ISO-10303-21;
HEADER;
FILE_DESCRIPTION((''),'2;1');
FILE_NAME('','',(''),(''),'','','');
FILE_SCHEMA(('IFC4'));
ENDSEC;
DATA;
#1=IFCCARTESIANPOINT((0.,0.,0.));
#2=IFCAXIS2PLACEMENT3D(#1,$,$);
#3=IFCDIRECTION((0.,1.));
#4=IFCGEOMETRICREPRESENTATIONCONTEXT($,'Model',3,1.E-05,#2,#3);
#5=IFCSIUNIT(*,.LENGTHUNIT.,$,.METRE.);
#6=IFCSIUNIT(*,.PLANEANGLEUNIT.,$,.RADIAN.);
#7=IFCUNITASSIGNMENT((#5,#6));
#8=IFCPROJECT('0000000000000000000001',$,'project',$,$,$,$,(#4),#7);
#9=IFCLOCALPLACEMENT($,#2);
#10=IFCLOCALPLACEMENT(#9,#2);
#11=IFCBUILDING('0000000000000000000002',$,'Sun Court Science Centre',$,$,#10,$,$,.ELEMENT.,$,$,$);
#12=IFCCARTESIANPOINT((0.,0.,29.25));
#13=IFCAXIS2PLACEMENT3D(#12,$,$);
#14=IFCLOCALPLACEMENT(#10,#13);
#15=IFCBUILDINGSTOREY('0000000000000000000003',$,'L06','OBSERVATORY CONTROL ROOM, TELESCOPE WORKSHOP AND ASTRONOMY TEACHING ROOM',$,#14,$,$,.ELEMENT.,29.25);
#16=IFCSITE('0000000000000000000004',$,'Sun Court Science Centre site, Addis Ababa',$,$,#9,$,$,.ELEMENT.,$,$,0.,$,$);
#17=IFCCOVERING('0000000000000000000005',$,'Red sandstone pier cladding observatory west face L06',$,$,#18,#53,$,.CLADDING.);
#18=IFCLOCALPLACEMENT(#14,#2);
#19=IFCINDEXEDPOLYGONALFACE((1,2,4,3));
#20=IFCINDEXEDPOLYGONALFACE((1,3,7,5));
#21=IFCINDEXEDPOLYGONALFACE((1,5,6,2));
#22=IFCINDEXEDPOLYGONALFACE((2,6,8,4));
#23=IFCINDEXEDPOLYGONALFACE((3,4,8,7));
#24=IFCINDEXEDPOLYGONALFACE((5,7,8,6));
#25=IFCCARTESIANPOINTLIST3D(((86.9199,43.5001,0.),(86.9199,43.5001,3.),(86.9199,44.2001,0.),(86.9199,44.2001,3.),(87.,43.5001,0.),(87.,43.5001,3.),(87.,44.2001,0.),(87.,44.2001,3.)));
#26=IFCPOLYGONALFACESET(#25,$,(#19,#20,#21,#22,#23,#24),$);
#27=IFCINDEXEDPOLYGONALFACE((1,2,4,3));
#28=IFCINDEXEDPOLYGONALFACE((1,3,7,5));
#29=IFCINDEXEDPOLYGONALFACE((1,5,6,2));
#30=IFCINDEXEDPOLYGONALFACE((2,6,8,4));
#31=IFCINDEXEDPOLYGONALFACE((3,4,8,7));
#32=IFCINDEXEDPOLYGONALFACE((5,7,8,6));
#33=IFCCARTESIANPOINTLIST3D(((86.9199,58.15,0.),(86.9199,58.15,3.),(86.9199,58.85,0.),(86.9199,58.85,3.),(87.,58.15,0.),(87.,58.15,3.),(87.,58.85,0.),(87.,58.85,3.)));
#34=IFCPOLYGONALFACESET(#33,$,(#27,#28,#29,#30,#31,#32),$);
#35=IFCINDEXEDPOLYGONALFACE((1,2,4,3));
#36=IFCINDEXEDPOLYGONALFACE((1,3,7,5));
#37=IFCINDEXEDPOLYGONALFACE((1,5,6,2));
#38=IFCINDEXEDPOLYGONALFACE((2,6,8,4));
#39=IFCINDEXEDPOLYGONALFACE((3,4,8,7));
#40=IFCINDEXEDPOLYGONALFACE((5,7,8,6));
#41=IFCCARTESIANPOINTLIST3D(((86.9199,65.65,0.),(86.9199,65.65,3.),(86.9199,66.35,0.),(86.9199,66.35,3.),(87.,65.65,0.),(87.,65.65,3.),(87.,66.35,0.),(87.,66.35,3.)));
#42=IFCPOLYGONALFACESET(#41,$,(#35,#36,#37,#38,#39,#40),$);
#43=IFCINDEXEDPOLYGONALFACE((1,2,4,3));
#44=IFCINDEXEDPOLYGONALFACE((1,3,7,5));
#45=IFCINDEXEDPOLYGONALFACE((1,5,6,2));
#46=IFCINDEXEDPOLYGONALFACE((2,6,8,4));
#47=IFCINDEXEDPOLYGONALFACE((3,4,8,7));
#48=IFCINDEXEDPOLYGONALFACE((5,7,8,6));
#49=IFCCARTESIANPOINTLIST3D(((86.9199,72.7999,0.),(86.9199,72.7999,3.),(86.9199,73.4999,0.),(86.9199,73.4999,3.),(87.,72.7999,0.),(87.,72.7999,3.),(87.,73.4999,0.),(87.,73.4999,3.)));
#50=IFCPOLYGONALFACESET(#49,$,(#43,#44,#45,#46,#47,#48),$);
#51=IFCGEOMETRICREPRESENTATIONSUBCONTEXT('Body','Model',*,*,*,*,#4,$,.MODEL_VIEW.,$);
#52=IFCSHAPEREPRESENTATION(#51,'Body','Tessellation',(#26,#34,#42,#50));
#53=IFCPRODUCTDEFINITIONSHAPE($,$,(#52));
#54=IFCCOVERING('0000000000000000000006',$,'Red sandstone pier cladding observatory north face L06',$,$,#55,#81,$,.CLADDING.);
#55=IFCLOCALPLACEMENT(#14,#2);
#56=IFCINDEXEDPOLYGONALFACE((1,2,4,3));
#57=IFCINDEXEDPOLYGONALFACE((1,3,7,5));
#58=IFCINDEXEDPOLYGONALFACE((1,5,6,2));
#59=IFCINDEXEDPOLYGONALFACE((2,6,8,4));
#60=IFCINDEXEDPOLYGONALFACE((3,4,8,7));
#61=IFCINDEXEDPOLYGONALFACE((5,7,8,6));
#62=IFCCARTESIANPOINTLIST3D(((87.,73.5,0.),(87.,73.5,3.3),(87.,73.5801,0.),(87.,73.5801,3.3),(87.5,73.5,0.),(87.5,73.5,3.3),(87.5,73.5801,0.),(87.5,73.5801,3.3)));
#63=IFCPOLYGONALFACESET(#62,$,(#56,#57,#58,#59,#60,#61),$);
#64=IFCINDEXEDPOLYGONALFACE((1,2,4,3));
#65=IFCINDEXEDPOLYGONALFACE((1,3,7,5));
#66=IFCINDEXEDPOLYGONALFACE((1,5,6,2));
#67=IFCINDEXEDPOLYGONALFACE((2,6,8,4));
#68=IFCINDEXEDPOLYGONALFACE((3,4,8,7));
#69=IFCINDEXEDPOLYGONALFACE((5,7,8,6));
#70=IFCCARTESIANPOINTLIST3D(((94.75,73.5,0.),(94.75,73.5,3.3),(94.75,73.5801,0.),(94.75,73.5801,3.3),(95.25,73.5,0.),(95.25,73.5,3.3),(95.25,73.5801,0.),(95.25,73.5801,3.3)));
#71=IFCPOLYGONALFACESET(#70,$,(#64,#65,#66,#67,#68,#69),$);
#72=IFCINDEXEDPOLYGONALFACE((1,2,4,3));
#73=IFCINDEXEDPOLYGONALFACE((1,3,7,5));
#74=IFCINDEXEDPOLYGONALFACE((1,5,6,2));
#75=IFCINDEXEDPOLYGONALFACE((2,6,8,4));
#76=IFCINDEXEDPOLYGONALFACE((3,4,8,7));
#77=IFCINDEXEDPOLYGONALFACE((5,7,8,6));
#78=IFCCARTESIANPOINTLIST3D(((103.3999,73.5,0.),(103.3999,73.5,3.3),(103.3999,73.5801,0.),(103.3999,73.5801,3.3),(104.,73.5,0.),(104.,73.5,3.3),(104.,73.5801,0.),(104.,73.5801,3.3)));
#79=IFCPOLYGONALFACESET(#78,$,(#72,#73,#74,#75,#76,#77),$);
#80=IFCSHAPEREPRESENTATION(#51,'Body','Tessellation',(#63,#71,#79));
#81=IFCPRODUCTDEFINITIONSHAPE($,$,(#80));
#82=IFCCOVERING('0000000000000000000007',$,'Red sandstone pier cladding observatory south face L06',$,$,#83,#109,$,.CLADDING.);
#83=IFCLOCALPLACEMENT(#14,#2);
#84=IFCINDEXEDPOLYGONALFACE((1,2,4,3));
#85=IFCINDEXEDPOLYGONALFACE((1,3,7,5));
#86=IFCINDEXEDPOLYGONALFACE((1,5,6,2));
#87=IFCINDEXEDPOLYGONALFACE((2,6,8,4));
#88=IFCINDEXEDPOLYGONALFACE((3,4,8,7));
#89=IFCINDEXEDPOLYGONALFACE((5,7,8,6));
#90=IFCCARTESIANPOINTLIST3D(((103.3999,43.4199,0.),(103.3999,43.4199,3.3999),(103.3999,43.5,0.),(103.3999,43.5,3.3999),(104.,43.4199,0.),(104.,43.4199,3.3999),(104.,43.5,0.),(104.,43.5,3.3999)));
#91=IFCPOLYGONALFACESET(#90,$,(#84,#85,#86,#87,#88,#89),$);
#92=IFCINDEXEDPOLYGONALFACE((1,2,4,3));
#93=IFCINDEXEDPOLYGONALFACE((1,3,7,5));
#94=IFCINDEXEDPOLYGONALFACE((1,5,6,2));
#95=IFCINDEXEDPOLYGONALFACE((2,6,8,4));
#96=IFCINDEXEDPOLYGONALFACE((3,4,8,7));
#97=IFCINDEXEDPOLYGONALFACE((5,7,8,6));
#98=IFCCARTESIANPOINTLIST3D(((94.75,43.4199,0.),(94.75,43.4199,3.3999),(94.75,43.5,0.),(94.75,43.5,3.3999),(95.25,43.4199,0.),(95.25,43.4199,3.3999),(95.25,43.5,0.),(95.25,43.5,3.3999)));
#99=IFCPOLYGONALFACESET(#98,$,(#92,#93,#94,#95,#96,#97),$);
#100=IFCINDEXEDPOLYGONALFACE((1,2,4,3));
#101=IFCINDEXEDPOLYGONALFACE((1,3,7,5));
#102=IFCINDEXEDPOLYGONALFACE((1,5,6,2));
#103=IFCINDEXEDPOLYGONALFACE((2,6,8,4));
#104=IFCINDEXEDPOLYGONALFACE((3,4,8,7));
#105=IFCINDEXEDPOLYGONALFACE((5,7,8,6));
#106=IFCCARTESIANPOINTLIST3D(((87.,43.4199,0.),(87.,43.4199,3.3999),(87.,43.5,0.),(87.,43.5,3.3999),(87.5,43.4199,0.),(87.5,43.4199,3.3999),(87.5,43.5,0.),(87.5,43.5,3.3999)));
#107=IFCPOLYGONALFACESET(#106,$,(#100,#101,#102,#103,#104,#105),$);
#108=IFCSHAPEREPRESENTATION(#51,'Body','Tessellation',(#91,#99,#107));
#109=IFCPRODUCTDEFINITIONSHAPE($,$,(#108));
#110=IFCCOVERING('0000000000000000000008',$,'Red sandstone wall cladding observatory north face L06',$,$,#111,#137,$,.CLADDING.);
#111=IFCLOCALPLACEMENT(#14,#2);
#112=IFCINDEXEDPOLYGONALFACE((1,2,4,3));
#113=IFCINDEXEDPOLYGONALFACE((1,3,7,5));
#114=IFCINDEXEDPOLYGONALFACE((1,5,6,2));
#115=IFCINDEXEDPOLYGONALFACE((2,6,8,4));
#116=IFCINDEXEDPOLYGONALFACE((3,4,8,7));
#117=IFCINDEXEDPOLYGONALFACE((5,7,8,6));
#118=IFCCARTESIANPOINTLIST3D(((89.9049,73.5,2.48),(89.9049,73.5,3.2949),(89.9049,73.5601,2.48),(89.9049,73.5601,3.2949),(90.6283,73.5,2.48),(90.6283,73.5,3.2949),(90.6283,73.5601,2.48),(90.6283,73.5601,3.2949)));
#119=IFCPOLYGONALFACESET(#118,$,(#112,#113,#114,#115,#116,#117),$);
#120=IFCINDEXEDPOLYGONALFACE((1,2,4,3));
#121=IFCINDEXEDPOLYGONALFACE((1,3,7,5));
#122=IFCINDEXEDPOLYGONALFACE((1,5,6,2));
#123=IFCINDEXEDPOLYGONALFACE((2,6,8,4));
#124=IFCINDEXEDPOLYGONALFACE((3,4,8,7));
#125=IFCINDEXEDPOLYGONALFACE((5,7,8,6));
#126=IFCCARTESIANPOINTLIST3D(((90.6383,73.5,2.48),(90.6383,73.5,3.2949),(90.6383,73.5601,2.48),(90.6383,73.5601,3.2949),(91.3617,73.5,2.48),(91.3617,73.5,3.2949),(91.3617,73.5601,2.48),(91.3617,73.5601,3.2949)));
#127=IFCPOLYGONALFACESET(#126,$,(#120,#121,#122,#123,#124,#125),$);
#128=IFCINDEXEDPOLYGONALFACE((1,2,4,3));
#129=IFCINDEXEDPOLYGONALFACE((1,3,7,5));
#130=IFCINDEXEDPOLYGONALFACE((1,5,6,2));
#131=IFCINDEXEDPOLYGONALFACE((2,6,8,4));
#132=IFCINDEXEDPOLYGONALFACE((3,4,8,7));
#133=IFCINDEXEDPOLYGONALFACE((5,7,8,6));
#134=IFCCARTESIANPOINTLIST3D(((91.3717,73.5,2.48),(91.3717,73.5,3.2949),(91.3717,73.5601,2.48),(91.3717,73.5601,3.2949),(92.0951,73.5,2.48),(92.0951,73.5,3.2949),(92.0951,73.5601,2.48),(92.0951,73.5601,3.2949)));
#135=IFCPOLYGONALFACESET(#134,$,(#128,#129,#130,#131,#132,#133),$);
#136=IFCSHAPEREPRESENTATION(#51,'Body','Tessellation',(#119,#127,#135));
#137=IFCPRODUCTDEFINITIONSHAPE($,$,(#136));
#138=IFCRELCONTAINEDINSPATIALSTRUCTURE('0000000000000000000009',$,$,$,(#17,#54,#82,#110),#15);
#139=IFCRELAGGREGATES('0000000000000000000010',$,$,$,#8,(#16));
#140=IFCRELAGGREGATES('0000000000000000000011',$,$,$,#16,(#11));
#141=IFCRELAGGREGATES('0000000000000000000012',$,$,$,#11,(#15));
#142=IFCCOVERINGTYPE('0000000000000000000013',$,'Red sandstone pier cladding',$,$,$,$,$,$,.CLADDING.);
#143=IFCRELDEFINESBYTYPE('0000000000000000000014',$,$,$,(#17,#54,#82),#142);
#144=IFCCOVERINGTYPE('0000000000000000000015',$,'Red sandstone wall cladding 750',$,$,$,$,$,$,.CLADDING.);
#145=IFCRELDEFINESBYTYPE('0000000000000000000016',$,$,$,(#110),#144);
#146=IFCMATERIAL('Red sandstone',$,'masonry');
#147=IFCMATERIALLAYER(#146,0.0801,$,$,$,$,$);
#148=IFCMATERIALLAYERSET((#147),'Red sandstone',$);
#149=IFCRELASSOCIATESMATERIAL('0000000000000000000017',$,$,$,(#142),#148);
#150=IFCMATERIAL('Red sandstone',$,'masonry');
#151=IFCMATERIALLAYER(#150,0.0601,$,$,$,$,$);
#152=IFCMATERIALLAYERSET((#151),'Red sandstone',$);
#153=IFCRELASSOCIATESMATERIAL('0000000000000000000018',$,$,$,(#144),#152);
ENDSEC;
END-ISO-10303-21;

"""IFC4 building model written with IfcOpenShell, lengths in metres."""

from ifc_helpers import new_model, si_unit, direction, frame, origin, origin_2d, place, context, subcontext, project, spatial, rectangle, extrude, material, layer, layer_set, type_object, element, save


model = new_model("IFC4")

# Units and contexts
model_context = context("Model", 3, precision=1e-05, world=origin(), true_north=direction((0.0, 1.0)))
body_context = subcontext(model_context, "Body", "Model", "MODEL_VIEW")
ifc_project = project(units=[si_unit("LENGTHUNIT", "METRE"), si_unit("PLANEANGLEUNIT", "RADIAN")], contexts=[model_context])

# Site, building, storey
site_placement = place(None, origin())
site = spatial("IfcSite", under=ifc_project, at=site_placement, Name="Sun Court Science Centre site, Addis Ababa", CompositionType="ELEMENT", RefElevation=0.0)
building_placement = place(site_placement, origin())
building = spatial("IfcBuilding", under=site, at=building_placement, Name="Sun Court Science Centre", CompositionType="ELEMENT")
storey_placement = place(building_placement, frame((0.0, 0.0, 29.25)))
storey = spatial("IfcBuildingStorey", under=building, at=storey_placement, Name="L06", Description="OBSERVATORY CONTROL ROOM, TELESCOPE WORKSHOP AND ASTRONOMY TEACHING ROOM", CompositionType="ELEMENT", Elevation=29.25)

# Coverings
ifc_material_1 = material(Name="Red sandstone", Category="masonry")
ifc_layer_1 = layer(ifc_material_1, 0.0801)
ifc_layer_set_1 = layer_set([ifc_layer_1], Name="Red sandstone")
covering_type_1 = type_object("IfcCoveringType", Name="Red sandstone pier cladding", PredefinedType="CLADDING", material=ifc_layer_set_1)
covering_1_placement = place(storey_placement, frame((0.0, 0.0, -29.25)))
element("IfcCovering", 1, at=covering_1_placement, inside=storey, type_object=covering_type_1, Name="Red sandstone pier cladding observatory west face L06", PredefinedType="CLADDING", context=body_context, shape_type="SweptSolid", body=[
    extrude(rectangle(XDim=0.7, YDim=0.0801, at=origin_2d()), frame((86.96, 43.8501, 29.25), z_axis=(0.0, 0.0, 1.0), x_axis=(0.0, 1.0, 0.0)), (0.0, 0.0, 1.0), 3.0),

* * * * *

Every line above that holds the word "wall" should be copied out.

#110=IFCCOVERING('0000000000000000000008',$,'Red sandstone wall cladding observatory north face L06',$,$,#111,#137,$,.CLADDING.);
#144=IFCCOVERINGTYPE('0000000000000000000015',$,'Red sandstone wall cladding 750',$,$,$,$,$,$,.CLADDING.);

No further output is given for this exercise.